What to produce:
Check each line of the entries below for the string "IFCWALLTYPE"; copy every line where it appears.

Supplied information:
>>>

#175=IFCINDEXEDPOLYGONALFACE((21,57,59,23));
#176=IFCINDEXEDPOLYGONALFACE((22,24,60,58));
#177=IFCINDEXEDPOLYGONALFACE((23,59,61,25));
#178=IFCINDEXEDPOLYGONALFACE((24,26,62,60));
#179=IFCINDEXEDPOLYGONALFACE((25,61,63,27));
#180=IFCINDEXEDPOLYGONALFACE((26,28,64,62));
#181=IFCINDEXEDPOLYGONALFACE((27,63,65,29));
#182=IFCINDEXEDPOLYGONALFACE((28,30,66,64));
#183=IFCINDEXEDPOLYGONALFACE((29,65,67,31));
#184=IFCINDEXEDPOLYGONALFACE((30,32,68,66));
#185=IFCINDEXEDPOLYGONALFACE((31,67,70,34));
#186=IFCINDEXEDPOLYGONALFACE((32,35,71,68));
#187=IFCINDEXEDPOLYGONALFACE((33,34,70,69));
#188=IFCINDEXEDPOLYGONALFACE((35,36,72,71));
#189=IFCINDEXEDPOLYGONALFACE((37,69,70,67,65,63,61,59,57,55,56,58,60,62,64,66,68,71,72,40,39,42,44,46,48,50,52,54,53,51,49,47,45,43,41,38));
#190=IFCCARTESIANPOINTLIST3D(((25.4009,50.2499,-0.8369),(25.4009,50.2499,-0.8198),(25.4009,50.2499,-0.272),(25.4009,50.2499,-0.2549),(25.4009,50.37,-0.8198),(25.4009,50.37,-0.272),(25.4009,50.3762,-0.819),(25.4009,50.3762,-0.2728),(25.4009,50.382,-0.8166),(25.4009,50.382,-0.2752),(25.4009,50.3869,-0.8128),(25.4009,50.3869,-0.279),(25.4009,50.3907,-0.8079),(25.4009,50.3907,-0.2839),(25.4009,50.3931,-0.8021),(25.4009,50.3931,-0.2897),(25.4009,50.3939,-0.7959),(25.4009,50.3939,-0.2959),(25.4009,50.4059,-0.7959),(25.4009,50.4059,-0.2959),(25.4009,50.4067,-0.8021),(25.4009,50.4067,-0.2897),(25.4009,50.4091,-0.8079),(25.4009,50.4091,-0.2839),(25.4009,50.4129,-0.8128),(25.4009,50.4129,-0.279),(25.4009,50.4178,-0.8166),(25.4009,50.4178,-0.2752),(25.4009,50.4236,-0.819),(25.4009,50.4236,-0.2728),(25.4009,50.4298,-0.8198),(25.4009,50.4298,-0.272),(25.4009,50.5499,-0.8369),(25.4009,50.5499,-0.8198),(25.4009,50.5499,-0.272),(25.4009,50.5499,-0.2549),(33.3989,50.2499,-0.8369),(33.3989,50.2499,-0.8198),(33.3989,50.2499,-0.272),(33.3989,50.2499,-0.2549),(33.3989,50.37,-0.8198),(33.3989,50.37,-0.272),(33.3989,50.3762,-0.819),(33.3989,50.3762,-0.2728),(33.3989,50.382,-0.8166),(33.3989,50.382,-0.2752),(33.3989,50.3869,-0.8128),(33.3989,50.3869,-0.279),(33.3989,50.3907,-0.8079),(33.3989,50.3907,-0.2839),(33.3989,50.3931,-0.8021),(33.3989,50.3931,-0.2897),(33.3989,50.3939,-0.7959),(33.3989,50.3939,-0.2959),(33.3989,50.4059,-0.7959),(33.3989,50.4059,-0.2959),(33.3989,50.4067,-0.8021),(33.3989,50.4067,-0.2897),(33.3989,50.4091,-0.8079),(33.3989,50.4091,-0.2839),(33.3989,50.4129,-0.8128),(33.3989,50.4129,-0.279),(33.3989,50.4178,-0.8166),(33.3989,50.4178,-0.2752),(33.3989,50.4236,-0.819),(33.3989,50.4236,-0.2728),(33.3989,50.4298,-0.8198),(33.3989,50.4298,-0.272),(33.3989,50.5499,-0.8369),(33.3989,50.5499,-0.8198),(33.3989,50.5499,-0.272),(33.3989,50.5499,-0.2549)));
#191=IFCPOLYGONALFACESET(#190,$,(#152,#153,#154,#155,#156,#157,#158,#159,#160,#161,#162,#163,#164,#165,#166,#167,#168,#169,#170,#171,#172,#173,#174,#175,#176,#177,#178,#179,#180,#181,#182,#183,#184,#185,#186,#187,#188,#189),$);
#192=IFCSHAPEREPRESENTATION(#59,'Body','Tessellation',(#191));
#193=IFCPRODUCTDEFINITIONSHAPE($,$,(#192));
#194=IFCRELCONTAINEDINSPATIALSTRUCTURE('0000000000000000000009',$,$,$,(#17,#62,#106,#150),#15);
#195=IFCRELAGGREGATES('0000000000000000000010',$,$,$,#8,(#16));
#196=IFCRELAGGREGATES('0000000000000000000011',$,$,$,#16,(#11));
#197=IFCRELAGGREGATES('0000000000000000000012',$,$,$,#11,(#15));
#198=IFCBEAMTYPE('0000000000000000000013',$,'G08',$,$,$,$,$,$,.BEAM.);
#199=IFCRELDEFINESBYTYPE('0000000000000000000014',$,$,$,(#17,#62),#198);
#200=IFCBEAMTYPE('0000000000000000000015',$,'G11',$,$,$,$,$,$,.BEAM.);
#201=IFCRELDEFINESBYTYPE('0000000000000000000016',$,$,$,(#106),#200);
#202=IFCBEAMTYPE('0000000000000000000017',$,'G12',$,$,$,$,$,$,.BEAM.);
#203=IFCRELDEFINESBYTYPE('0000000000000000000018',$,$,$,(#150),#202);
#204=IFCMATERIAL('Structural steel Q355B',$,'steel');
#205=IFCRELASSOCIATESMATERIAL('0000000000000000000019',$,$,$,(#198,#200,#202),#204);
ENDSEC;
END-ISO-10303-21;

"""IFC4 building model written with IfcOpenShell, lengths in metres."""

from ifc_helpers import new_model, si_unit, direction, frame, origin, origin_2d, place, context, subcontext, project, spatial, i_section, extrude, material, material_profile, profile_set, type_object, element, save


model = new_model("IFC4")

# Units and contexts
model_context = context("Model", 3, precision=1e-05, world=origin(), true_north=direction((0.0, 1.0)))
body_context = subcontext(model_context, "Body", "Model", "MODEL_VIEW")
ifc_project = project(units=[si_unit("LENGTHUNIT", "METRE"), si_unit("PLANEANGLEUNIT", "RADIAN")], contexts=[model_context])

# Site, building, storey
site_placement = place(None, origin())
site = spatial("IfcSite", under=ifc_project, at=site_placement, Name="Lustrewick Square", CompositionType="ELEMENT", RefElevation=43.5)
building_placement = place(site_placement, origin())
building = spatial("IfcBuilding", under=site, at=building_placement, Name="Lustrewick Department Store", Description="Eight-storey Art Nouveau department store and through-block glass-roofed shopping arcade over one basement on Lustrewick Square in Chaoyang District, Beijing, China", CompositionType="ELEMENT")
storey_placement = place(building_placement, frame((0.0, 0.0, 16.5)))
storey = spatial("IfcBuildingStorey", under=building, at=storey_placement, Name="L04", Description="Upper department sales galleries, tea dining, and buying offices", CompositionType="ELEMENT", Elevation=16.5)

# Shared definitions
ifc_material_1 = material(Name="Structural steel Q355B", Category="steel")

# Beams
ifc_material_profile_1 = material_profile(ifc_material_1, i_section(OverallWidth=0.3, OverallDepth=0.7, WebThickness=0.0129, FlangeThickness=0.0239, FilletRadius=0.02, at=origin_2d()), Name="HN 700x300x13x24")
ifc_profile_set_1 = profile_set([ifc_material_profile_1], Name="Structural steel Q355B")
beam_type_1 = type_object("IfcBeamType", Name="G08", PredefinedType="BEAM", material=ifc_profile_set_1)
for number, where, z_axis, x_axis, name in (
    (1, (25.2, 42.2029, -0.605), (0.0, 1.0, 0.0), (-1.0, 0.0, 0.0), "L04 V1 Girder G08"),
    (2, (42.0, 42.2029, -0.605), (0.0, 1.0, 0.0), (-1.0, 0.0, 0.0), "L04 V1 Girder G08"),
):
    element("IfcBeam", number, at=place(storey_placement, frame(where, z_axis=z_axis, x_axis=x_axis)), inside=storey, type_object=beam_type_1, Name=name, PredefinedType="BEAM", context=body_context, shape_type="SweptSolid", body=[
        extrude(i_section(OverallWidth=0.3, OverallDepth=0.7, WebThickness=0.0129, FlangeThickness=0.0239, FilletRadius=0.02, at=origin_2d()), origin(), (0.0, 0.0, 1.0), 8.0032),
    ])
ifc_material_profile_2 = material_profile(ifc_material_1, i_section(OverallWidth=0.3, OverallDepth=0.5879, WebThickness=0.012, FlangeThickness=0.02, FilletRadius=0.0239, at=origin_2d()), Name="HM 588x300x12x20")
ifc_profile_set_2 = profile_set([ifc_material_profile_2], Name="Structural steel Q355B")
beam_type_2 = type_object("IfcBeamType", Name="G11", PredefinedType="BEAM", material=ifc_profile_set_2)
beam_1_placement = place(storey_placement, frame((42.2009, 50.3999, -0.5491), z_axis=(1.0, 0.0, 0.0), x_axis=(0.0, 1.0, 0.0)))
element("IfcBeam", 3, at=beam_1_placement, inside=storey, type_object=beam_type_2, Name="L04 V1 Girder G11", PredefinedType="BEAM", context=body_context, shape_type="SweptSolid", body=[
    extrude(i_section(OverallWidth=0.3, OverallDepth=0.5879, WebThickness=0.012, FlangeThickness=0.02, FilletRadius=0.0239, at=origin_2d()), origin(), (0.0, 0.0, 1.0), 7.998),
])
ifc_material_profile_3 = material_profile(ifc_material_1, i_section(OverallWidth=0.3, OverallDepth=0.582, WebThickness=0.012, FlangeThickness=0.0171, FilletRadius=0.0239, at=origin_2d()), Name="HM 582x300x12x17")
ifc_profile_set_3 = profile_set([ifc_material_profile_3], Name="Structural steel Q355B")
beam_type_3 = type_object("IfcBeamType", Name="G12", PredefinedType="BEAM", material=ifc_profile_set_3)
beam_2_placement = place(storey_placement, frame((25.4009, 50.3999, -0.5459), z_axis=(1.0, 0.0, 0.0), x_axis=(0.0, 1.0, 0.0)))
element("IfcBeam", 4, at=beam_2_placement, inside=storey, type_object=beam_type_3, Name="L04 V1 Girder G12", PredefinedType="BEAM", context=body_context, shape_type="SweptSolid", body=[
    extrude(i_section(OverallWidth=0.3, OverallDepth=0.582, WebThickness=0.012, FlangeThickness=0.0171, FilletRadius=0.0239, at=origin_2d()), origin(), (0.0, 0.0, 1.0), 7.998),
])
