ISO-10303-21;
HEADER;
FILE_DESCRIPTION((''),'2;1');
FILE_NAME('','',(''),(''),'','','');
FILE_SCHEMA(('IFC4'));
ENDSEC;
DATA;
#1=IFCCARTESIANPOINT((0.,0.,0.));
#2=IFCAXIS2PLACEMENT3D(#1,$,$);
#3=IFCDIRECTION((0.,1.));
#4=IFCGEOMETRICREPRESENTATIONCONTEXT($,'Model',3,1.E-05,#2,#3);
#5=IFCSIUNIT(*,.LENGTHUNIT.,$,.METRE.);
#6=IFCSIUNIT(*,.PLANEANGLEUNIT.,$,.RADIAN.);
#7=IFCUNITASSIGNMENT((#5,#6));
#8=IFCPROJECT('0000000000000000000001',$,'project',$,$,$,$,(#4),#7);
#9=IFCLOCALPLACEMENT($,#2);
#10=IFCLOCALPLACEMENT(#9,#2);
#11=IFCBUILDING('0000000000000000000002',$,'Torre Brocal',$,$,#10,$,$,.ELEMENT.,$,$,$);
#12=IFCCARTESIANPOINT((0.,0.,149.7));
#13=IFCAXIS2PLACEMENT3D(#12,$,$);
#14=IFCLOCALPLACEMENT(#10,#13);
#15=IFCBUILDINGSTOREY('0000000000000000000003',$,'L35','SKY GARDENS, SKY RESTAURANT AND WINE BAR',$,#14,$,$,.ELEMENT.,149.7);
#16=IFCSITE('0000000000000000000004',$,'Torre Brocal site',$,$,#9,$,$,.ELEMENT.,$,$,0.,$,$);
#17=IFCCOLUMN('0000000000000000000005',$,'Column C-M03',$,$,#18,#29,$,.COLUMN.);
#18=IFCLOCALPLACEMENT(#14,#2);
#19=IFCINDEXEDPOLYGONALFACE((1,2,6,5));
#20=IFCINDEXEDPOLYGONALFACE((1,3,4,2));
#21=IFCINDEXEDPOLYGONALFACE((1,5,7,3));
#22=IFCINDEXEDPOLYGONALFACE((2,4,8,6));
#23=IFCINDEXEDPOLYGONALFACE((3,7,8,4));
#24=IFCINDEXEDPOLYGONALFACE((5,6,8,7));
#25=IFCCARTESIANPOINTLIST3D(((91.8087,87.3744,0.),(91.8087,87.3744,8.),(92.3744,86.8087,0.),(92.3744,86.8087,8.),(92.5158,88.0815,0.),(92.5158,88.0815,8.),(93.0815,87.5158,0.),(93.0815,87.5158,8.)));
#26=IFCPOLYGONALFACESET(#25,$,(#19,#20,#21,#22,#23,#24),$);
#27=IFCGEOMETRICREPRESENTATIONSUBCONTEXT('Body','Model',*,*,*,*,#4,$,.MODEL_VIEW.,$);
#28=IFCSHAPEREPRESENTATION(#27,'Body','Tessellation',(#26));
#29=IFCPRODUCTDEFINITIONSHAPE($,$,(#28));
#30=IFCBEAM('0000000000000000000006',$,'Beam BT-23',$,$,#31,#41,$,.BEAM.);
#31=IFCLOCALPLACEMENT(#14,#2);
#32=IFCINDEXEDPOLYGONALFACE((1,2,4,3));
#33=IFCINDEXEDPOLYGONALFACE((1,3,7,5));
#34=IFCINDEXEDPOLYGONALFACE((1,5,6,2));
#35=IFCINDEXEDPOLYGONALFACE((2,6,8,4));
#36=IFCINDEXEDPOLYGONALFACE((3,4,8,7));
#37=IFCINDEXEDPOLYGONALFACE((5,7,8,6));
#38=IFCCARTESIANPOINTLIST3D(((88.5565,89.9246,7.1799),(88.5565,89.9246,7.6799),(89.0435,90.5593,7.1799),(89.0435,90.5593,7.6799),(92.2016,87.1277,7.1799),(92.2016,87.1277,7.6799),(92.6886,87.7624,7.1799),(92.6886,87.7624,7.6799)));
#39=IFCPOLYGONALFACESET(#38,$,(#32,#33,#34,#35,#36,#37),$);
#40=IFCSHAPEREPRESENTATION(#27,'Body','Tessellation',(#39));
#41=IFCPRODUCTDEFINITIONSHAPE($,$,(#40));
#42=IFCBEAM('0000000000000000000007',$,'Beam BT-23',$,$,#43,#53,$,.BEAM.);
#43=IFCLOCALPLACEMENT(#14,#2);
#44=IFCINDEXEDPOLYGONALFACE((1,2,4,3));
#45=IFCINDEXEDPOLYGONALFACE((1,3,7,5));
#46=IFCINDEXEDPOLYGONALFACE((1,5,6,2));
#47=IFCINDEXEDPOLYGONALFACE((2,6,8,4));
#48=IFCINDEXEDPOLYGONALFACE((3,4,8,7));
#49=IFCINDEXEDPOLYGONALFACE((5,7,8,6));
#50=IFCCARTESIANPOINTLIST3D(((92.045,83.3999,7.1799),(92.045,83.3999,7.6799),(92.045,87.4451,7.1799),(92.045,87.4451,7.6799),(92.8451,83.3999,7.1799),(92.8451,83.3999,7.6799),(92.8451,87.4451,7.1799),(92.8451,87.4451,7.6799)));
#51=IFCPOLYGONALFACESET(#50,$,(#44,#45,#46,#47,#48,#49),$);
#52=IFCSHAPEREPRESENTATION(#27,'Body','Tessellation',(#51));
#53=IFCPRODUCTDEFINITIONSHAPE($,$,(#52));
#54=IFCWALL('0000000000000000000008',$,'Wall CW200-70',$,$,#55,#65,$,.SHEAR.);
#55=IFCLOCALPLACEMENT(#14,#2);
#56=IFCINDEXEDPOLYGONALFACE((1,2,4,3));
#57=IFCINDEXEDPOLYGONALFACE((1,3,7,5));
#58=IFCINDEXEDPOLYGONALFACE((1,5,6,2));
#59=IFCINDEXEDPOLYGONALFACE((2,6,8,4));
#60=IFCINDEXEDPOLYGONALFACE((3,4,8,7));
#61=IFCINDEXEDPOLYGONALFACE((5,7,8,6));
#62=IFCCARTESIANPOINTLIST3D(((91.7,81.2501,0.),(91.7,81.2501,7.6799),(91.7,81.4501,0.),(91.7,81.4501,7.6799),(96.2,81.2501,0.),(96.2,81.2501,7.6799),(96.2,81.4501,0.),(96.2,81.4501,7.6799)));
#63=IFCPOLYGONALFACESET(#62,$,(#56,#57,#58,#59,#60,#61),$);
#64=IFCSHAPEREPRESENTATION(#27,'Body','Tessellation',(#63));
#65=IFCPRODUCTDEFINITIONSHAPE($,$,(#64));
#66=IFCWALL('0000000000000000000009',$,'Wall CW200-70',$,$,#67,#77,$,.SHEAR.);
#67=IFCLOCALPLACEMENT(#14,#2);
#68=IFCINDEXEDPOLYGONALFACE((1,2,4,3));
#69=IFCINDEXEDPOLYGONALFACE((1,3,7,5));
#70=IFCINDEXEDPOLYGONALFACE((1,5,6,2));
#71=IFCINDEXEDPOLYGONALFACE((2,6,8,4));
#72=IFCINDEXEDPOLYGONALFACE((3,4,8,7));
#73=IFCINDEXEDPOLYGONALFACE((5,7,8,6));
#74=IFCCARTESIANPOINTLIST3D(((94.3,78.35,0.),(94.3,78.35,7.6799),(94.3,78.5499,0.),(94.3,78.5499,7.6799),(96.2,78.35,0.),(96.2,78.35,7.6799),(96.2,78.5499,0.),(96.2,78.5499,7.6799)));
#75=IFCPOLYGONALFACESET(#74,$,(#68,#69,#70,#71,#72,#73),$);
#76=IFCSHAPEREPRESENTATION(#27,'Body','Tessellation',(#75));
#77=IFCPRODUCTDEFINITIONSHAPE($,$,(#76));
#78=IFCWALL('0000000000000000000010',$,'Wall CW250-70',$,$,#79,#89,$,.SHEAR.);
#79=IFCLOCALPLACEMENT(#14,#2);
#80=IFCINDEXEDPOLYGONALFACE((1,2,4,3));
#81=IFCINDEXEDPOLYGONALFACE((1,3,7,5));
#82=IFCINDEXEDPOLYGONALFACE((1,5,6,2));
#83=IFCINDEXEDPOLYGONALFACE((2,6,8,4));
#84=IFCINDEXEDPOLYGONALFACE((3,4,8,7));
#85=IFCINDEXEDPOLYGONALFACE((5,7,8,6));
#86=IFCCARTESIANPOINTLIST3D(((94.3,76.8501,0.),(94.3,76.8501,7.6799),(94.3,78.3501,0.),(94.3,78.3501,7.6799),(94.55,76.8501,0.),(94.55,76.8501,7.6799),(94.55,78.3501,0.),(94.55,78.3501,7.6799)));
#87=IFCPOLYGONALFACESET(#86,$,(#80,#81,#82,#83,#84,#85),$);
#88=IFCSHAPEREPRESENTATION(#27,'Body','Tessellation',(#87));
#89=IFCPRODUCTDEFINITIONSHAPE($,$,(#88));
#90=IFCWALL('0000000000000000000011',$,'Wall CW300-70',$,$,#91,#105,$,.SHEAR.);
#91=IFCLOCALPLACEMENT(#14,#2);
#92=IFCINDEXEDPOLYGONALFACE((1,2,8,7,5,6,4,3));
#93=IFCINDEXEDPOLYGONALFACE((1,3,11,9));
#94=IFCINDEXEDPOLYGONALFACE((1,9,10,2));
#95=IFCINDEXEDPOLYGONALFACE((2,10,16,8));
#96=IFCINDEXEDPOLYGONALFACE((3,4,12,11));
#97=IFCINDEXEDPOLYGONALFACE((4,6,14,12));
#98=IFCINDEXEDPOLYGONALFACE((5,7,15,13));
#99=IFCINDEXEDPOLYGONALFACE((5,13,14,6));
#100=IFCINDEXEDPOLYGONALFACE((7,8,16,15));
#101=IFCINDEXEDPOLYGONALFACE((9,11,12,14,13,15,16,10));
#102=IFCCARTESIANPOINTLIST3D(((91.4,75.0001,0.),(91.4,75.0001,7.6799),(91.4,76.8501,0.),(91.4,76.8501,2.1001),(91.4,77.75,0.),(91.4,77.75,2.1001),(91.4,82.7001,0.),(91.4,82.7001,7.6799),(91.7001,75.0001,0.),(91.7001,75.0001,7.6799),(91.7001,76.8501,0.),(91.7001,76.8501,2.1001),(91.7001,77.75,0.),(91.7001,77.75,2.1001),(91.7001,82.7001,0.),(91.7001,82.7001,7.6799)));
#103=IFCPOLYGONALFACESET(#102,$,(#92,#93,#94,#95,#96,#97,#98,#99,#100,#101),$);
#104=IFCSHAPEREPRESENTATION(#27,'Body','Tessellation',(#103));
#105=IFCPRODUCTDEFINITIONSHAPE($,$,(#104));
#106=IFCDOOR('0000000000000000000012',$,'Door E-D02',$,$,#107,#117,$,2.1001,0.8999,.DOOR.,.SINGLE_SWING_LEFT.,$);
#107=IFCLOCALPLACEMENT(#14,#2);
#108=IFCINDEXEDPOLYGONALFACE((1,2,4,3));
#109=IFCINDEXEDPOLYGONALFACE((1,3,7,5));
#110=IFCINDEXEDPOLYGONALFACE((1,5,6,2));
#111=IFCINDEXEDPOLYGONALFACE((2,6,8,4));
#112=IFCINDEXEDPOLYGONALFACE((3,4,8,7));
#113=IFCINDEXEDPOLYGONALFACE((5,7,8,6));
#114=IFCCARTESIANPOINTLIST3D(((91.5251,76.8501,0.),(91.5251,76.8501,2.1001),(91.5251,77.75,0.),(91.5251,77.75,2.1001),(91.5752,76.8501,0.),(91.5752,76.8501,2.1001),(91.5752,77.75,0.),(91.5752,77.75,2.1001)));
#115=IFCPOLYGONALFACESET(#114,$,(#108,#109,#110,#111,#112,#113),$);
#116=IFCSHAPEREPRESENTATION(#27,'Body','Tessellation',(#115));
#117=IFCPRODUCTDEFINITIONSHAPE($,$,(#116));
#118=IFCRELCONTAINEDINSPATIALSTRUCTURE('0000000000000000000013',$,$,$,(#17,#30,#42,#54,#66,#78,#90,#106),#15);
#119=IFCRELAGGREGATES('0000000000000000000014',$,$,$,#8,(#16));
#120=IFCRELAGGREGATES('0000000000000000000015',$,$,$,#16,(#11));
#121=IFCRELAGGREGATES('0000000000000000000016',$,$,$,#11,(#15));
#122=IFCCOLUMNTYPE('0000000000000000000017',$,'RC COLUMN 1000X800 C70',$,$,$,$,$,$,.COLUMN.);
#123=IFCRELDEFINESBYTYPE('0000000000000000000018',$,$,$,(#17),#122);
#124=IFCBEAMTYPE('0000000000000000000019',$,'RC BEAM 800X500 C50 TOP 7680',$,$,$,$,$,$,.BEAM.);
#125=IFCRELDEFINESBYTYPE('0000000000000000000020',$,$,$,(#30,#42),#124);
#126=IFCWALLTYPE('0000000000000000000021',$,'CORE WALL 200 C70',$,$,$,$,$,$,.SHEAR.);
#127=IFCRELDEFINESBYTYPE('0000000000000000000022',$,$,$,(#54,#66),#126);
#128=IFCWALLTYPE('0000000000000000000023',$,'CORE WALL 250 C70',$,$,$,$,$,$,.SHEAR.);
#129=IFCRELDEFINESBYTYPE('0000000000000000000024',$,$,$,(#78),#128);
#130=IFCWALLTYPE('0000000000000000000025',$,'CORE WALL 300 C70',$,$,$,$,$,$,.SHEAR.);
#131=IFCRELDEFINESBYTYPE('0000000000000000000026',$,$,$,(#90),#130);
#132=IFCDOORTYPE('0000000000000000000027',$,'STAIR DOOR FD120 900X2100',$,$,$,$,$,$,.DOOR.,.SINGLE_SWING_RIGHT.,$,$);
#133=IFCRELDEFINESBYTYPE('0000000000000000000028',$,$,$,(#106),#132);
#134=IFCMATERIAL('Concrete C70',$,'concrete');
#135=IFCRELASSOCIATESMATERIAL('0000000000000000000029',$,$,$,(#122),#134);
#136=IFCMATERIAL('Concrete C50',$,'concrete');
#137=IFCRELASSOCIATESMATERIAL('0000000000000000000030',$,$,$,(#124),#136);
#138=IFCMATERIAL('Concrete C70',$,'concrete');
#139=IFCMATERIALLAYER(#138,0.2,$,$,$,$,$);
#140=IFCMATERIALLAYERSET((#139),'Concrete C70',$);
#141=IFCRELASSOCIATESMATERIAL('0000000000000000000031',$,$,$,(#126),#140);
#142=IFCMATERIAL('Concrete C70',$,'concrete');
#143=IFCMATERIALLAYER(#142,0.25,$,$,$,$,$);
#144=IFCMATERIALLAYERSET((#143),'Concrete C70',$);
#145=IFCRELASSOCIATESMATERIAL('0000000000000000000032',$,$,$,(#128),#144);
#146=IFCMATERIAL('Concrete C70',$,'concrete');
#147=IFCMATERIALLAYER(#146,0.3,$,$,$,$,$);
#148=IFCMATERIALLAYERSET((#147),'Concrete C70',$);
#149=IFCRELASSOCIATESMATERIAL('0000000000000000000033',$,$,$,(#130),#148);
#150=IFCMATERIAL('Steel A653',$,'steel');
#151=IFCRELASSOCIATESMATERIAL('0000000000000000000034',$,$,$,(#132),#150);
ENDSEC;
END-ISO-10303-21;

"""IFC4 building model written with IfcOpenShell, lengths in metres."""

from ifc_helpers import new_model, si_unit, direction, frame, frame_2d, origin, origin_2d, place, context, subcontext, project, spatial, rectangle, extrude, material, layer, layer_set, material_profile, profile_set, type_object, element, fill, save


model = new_model("IFC4")

# Units and contexts
model_context = context("Model", 3, precision=1e-05, world=origin(), true_north=direction((0.0, 1.0)))
body_context = subcontext(model_context, "Body", "Model", "MODEL_VIEW")
ifc_project = project(units=[si_unit("LENGTHUNIT", "METRE"), si_unit("PLANEANGLEUNIT", "RADIAN")], contexts=[model_context])

# Site, building, storey
site_placement = place(None, origin())
site = spatial("IfcSite", under=ifc_project, at=site_placement, Name="Torre Brocal site", CompositionType="ELEMENT", RefElevation=0.0)
building_placement = place(site_placement, origin())
building = spatial("IfcBuilding", under=site, at=building_placement, Name="Torre Brocal", CompositionType="ELEMENT")
storey_placement = place(building_placement, frame((0.0, 0.0, 149.7)))
storey = spatial("IfcBuildingStorey", under=building, at=storey_placement, Name="L35", Description="SKY GARDENS, SKY RESTAURANT AND WINE BAR", CompositionType="ELEMENT", Elevation=149.7)

# Column
ifc_material_1 = material(Name="Concrete C70", Category="concrete")
ifc_material_profile_1 = material_profile(ifc_material_1, rectangle(XDim=1.0, YDim=0.8, at=origin_2d()), Name="RC 1000X800")
ifc_profile_set_1 = profile_set([ifc_material_profile_1], Name="Concrete C70")
column_type = type_object("IfcColumnType", Name="RC COLUMN 1000X800 C70", PredefinedType="COLUMN", material=ifc_profile_set_1)
column_placement = place(storey_placement, frame((92.4451, 87.4451, 0.0), z_axis=(0.0, 0.0, 1.0), x_axis=(0.707107, 0.707107, 0.0)))
element("IfcColumn", 1, at=column_placement, inside=storey, type_object=column_type, Name="Column C-M03", PredefinedType="COLUMN", context=body_context, shape_type="SweptSolid", body=[
    extrude(rectangle(XDim=1.0, YDim=0.8, at=origin_2d()), origin(), (0.0, 0.0, 1.0), 8.0),
])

<<<

Finished exercise:
#126=IFCWALLTYPE('0000000000000000000021',$,'CORE WALL 200 C70',$,$,$,$,$,$,.SHEAR.);
#128=IFCWALLTYPE('0000000000000000000023',$,'CORE WALL 250 C70',$,$,$,$,$,$,.SHEAR.);
#130=IFCWALLTYPE('0000000000000000000025',$,'CORE WALL 300 C70',$,$,$,$,$,$,.SHEAR.);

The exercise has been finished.